### EXERCISE OBJECTIVE
Below are entries; copy exactly the lines from the one with "#85=IFCINDEXEDPOLYGONALFACE((27,28,32,31));" through the one with "#90=IFCINDEXEDPOLYGONALFACE((37,41,42,38));", both included, and leave out the rest.

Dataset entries
##############################

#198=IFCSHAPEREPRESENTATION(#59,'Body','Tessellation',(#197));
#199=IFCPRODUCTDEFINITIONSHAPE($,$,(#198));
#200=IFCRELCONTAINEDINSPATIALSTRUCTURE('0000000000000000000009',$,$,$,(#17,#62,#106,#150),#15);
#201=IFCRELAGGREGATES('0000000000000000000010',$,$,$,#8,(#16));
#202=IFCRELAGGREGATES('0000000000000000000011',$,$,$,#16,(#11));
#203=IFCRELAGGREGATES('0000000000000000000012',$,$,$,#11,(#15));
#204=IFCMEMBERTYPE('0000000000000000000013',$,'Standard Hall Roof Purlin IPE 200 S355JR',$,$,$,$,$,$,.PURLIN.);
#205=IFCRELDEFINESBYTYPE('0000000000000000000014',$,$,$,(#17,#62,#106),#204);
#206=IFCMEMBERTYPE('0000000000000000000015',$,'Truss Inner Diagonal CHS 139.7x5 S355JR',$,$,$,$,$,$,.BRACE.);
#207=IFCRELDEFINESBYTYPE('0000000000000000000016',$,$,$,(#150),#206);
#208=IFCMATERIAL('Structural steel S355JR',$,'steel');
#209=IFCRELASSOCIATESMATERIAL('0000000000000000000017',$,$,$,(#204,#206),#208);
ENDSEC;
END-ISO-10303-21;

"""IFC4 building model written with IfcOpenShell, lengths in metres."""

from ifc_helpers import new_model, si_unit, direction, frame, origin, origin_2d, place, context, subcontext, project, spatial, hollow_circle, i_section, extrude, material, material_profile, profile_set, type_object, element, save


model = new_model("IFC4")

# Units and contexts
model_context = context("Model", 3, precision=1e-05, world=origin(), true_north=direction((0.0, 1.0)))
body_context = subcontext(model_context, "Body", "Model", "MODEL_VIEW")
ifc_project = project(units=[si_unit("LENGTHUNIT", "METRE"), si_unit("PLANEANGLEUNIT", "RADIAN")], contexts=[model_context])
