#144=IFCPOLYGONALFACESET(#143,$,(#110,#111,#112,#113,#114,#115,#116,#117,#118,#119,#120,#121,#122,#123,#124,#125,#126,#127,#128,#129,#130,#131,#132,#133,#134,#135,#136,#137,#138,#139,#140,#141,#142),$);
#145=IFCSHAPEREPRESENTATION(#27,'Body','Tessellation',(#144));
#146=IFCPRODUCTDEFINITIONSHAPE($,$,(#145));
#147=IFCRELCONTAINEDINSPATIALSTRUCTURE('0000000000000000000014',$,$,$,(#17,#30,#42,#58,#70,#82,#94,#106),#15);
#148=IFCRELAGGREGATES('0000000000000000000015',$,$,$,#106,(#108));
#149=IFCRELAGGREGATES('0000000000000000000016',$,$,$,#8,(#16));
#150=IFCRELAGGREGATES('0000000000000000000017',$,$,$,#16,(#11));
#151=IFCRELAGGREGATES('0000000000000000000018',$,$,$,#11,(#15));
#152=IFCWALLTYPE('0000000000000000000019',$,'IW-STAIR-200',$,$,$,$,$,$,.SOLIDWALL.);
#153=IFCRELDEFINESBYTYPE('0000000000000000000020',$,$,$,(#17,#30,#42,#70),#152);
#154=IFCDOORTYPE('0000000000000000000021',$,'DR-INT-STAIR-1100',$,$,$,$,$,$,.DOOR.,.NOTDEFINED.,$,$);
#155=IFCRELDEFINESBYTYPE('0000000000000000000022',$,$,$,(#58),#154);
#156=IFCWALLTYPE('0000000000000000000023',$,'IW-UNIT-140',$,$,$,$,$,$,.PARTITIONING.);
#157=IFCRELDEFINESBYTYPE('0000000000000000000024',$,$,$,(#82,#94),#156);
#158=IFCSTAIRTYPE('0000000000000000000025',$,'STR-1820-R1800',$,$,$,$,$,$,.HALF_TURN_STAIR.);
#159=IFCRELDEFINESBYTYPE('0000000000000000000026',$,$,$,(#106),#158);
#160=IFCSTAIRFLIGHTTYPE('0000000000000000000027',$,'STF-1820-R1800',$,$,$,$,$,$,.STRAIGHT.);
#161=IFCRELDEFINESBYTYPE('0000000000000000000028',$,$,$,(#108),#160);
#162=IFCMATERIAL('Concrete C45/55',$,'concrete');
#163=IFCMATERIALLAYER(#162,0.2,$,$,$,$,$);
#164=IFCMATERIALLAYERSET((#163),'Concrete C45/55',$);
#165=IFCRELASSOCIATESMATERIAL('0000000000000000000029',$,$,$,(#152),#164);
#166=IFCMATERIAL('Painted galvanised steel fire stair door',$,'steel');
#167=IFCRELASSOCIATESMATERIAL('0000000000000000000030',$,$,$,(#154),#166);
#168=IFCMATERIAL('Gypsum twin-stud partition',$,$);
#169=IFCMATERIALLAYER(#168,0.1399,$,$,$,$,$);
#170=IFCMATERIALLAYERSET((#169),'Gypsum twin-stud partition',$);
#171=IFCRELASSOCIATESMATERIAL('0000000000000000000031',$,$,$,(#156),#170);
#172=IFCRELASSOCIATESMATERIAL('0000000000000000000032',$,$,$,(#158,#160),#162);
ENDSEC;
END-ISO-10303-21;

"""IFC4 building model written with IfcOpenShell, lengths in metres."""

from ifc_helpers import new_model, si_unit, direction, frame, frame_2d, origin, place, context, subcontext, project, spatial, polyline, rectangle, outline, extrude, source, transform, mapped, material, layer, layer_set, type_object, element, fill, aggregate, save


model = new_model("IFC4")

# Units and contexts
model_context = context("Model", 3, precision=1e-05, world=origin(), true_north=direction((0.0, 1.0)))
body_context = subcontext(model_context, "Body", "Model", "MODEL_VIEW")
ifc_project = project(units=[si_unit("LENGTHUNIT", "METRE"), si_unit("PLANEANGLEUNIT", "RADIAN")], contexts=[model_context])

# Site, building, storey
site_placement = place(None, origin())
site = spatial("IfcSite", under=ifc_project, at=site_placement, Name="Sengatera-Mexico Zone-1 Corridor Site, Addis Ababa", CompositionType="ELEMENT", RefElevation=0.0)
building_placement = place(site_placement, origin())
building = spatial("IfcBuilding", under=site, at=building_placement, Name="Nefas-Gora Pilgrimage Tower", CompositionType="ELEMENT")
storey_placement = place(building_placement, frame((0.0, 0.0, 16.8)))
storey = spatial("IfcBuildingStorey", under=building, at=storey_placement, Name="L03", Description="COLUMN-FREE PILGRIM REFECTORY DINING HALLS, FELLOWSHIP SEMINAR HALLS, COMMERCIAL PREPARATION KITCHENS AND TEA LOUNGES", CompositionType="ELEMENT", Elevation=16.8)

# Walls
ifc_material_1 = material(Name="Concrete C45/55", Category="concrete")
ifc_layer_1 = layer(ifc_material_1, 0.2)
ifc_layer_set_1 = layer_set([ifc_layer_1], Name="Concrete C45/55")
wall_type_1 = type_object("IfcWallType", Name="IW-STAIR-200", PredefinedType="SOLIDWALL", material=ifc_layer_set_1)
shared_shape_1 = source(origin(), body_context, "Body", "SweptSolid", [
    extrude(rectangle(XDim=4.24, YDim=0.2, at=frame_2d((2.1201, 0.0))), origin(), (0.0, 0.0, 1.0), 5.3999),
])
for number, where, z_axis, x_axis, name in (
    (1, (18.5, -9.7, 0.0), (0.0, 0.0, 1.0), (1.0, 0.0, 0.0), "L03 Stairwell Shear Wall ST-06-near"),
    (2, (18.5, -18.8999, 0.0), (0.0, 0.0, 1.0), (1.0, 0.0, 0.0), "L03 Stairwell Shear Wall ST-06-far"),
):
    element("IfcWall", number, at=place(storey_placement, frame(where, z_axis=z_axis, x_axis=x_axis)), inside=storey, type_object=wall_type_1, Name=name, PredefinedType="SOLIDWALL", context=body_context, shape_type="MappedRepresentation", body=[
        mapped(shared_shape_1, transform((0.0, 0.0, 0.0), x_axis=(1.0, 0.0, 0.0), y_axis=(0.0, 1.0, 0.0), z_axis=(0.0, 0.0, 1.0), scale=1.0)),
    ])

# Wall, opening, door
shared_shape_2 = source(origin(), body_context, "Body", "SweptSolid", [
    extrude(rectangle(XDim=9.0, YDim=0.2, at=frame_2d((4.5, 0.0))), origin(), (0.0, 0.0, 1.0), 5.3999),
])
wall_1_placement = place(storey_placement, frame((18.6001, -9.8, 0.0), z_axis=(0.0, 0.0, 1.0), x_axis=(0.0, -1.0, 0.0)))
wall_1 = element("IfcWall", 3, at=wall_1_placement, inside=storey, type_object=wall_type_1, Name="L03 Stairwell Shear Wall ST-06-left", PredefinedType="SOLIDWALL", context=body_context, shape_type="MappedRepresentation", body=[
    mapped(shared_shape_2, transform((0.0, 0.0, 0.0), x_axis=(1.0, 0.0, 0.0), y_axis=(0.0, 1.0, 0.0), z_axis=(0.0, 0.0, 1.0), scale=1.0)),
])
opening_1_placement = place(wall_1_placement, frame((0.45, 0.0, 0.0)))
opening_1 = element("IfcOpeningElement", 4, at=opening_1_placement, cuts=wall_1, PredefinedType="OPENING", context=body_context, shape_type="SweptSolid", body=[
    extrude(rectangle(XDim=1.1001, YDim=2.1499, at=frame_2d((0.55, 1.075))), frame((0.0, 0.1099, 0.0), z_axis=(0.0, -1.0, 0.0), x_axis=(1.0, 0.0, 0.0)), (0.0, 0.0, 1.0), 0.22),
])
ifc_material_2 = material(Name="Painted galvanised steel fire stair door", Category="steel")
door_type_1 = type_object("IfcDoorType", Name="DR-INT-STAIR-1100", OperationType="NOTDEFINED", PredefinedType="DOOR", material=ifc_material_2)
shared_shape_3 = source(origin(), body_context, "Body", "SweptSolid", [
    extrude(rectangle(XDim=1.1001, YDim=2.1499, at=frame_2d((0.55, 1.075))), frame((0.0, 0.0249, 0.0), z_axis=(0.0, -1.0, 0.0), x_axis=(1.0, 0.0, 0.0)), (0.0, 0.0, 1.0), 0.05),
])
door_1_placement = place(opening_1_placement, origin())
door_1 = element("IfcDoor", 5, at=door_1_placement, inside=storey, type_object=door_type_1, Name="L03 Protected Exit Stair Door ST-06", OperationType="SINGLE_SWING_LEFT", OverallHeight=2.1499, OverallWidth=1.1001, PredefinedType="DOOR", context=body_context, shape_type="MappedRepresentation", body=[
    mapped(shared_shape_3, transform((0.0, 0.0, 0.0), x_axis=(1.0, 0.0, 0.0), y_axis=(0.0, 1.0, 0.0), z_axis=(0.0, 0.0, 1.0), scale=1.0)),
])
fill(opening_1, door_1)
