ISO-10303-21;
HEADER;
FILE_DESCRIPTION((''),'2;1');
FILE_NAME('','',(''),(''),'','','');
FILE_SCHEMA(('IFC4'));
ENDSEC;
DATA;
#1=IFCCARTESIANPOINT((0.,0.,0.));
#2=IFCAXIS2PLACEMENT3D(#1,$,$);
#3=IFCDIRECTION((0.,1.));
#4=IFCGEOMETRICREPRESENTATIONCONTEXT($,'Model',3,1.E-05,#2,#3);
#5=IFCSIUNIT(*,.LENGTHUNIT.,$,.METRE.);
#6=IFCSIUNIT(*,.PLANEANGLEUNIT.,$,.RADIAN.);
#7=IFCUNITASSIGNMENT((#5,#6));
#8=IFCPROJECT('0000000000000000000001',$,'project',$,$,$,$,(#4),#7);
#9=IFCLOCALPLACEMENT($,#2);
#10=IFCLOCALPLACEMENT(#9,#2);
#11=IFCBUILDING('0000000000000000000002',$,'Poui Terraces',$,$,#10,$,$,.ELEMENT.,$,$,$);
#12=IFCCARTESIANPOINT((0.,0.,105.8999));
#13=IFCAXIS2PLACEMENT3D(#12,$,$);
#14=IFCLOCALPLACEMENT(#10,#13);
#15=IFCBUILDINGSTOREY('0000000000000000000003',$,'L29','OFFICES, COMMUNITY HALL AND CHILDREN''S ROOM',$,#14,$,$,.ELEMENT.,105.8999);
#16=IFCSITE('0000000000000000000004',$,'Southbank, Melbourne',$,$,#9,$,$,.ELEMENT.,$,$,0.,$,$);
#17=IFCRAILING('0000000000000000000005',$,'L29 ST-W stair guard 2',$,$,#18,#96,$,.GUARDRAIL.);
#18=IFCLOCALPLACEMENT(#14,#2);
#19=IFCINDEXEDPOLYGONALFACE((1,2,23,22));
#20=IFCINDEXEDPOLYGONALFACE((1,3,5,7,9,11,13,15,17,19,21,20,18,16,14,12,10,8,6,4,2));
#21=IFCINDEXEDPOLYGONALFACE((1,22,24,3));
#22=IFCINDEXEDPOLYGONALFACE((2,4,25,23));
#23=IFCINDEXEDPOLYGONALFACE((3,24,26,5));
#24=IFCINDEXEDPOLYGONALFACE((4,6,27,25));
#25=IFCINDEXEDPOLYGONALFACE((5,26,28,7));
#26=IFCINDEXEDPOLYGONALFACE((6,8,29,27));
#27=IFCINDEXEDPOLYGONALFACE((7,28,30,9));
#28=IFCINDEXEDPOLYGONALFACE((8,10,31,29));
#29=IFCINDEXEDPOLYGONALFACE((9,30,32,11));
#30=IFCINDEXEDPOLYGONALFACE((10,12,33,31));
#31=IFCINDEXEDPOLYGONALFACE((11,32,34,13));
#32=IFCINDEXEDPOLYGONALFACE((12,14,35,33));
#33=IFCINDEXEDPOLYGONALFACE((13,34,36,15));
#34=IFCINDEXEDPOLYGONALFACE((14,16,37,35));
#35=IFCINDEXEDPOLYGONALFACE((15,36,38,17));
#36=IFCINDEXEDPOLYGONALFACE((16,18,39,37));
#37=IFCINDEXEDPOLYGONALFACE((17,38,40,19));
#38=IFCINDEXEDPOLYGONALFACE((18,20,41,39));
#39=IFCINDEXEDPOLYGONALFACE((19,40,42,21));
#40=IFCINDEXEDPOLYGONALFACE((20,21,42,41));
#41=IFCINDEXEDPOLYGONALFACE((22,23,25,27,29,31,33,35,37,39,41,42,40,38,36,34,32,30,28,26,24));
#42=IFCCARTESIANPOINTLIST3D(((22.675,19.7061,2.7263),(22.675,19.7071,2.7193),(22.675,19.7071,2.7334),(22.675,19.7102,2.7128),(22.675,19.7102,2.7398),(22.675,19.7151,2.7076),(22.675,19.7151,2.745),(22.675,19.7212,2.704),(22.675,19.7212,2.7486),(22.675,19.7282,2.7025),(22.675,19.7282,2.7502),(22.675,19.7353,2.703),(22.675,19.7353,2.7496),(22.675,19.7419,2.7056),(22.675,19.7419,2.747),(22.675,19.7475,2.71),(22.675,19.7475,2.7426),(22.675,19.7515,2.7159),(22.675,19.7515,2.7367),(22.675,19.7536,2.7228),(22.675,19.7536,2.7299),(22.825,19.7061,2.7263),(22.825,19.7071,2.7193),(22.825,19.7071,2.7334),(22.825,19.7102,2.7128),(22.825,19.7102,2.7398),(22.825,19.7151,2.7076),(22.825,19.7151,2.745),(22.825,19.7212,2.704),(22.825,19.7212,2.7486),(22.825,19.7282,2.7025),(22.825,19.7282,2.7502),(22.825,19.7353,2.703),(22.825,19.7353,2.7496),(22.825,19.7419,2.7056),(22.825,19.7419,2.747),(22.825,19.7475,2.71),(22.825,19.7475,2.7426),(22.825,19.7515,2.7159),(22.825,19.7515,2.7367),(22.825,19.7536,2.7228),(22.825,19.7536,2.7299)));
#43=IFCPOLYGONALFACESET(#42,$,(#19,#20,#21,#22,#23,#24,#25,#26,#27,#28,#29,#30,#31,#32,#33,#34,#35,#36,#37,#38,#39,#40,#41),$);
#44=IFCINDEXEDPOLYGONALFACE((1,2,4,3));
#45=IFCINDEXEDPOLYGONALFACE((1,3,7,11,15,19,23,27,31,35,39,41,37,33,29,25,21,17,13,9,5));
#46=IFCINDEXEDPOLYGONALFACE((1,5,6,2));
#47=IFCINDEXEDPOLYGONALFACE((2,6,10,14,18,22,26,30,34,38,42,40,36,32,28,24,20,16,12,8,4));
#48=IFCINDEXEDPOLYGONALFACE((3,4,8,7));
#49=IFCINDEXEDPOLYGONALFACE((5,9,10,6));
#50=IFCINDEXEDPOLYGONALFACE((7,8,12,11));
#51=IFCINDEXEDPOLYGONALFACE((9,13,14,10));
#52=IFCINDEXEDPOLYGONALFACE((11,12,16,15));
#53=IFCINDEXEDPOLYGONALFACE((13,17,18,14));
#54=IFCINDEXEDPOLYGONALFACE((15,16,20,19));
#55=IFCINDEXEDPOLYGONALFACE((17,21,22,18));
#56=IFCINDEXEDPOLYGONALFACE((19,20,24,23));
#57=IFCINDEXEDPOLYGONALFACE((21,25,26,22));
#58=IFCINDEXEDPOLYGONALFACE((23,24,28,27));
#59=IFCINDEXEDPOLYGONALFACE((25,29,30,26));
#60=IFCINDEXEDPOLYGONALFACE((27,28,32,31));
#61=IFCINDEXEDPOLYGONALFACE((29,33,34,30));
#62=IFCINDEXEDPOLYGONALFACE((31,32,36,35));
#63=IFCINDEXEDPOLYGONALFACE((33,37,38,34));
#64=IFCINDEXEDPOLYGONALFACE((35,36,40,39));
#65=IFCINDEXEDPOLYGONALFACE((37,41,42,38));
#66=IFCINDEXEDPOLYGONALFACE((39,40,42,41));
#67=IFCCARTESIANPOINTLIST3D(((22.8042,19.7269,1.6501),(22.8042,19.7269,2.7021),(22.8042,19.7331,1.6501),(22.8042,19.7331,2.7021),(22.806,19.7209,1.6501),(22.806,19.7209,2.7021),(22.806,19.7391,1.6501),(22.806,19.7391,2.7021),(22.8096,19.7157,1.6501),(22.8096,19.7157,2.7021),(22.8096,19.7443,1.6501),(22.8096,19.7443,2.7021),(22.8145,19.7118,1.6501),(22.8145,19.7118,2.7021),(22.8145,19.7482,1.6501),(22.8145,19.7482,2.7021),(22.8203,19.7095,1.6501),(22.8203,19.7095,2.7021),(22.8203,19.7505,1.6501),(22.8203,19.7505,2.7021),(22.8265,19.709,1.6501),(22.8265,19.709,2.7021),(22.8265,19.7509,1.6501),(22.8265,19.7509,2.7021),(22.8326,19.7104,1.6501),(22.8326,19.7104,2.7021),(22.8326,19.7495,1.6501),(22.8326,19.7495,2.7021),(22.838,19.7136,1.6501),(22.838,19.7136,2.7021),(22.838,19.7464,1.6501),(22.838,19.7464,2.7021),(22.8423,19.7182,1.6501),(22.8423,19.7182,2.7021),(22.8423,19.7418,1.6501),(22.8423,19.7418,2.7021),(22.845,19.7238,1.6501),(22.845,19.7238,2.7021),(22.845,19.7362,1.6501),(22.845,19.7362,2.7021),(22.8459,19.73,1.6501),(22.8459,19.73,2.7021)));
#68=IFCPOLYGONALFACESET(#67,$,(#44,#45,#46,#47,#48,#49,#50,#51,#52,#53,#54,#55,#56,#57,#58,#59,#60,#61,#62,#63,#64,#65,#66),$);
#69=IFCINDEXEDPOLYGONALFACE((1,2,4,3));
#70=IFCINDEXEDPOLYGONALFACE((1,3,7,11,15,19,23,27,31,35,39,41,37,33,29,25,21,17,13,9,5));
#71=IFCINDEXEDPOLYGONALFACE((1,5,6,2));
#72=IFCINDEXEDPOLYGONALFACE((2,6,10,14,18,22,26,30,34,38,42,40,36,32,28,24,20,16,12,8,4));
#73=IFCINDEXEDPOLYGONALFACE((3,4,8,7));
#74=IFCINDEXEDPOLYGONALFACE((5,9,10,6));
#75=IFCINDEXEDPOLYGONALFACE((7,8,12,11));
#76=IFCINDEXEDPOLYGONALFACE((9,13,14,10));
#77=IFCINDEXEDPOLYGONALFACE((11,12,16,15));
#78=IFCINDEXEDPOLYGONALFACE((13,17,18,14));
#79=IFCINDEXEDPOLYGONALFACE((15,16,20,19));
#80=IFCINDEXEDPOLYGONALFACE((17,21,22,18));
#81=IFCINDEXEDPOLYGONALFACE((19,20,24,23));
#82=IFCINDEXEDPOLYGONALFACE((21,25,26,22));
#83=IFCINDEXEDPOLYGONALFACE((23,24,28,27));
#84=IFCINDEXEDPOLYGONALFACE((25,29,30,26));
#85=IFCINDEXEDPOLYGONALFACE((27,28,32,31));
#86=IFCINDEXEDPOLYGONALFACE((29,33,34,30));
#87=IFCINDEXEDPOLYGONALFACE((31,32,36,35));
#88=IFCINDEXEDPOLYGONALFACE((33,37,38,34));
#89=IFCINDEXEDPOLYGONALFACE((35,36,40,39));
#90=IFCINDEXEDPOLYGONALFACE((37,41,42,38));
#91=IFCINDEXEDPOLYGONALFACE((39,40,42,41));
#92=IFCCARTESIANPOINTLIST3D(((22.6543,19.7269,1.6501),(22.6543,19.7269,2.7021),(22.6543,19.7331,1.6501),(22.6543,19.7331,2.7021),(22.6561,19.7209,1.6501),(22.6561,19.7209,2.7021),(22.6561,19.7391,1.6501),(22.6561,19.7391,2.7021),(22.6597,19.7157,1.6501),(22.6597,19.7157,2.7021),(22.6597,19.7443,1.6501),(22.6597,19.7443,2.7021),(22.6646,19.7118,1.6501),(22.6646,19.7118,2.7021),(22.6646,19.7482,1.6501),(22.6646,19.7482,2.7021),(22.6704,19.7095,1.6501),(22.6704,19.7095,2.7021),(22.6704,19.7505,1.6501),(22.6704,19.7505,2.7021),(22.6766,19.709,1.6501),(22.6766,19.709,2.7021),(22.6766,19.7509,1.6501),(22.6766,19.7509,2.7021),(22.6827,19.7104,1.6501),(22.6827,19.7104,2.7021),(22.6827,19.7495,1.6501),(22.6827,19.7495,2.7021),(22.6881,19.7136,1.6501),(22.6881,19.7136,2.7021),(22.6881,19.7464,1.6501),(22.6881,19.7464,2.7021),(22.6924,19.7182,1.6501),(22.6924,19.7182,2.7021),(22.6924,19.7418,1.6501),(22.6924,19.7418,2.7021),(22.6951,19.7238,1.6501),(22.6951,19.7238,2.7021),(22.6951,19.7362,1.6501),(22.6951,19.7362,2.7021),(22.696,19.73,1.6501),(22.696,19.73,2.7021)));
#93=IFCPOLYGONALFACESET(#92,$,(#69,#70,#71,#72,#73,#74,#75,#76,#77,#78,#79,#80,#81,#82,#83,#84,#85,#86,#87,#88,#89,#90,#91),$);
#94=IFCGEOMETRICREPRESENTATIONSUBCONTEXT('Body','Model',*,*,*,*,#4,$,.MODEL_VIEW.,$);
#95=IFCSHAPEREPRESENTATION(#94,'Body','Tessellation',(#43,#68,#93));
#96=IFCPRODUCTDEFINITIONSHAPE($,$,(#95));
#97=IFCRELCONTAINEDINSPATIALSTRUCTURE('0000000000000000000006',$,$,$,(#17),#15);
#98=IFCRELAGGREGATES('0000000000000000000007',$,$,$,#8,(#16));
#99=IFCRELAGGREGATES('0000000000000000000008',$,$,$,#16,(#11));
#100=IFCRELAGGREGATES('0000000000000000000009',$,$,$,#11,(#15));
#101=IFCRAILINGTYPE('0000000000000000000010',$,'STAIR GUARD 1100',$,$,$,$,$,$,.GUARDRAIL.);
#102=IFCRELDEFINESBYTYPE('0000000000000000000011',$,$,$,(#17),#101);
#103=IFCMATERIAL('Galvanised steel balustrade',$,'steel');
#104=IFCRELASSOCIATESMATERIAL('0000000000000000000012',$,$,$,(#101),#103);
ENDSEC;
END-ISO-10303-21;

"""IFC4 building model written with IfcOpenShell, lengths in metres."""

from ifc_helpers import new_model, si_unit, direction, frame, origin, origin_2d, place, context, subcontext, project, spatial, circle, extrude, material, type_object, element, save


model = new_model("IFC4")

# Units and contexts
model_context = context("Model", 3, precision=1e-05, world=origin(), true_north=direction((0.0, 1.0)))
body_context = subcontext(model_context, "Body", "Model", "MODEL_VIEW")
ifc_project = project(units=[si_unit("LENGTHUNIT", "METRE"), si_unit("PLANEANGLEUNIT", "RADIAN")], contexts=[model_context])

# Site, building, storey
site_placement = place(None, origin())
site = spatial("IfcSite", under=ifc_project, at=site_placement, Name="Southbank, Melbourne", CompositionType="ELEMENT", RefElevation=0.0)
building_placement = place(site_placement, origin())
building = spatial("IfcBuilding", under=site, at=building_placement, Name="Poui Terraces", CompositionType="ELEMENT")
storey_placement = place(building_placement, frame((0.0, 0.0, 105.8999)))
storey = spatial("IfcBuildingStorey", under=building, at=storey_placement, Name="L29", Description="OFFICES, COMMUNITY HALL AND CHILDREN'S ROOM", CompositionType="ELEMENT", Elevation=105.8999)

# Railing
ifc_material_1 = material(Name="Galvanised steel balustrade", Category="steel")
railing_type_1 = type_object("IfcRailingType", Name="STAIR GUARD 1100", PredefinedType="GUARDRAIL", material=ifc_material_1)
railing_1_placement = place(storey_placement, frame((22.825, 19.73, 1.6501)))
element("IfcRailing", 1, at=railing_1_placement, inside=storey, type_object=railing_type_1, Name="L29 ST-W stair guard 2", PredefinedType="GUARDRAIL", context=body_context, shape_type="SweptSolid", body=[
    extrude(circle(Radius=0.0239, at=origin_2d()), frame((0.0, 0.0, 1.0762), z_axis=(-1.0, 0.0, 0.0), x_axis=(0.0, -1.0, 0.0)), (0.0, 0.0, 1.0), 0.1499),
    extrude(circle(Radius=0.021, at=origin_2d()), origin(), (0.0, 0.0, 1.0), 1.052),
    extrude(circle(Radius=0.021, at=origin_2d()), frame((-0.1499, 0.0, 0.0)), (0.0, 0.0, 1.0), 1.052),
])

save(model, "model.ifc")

##############################

### TASK RESULT
#85=IFCINDEXEDPOLYGONALFACE((27,28,32,31));
#86=IFCINDEXEDPOLYGONALFACE((29,33,34,30));
#87=IFCINDEXEDPOLYGONALFACE((31,32,36,35));
#88=IFCINDEXEDPOLYGONALFACE((33,37,38,34));
#89=IFCINDEXEDPOLYGONALFACE((35,36,40,39));
#90=IFCINDEXEDPOLYGONALFACE((37,41,42,38));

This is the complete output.